BEGIN Data supplied
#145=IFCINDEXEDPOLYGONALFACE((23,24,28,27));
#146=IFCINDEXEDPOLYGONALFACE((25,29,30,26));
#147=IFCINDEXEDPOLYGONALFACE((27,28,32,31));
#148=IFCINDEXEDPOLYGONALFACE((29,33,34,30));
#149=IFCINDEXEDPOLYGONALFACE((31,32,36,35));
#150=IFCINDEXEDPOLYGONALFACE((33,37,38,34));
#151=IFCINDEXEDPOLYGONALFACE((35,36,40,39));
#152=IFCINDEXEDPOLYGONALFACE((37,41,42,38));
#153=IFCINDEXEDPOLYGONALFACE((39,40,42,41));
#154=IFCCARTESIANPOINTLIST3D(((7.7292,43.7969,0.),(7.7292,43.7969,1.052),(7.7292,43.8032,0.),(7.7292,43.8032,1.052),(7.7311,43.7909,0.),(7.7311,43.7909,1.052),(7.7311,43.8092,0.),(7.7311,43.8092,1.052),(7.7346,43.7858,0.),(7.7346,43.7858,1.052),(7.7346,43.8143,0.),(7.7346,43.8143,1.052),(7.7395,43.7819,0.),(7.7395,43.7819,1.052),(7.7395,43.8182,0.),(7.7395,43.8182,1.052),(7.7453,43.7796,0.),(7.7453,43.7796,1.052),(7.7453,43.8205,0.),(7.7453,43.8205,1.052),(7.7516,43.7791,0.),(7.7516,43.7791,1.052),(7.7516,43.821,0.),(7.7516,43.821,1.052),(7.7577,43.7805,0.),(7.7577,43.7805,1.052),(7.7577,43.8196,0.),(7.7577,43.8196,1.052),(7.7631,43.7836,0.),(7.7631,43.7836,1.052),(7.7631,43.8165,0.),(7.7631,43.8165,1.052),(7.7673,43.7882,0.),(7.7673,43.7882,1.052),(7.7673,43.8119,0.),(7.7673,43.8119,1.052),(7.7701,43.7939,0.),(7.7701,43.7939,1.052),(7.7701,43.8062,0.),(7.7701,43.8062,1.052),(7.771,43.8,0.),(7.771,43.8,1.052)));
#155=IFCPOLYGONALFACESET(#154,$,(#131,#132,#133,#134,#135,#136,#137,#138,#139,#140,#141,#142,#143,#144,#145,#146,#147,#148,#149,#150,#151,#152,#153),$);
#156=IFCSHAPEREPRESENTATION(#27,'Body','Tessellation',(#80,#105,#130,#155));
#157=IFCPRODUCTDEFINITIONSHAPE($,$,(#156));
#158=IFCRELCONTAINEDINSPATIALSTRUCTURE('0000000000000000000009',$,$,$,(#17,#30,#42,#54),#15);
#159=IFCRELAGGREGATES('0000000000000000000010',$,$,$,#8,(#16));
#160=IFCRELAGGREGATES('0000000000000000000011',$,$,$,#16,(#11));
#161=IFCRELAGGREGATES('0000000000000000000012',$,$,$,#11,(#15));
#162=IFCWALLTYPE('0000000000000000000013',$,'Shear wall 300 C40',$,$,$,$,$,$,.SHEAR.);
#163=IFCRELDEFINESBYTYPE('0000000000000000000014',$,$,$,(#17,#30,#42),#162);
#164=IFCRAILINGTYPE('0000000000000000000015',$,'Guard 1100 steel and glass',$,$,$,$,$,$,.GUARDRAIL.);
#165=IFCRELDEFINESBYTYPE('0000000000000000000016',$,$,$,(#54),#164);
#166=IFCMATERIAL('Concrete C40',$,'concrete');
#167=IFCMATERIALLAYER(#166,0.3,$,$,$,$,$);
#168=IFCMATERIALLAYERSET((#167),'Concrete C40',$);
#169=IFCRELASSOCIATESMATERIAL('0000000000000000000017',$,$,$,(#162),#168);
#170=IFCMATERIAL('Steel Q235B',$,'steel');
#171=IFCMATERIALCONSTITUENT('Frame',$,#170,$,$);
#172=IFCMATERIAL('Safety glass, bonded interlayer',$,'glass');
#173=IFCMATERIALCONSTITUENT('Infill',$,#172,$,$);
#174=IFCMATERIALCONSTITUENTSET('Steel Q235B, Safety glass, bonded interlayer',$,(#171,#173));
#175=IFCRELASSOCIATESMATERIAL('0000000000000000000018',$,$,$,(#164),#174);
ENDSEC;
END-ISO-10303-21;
END Data supplied
_Task to complete_
Would you please return every line in the listing where "Safety" shows up?

_Output_
#172=IFCMATERIAL('Safety glass, bonded interlayer',$,'glass');
#174=IFCMATERIALCONSTITUENTSET('Steel Q235B, Safety glass, bonded interlayer',$,(#171,#173));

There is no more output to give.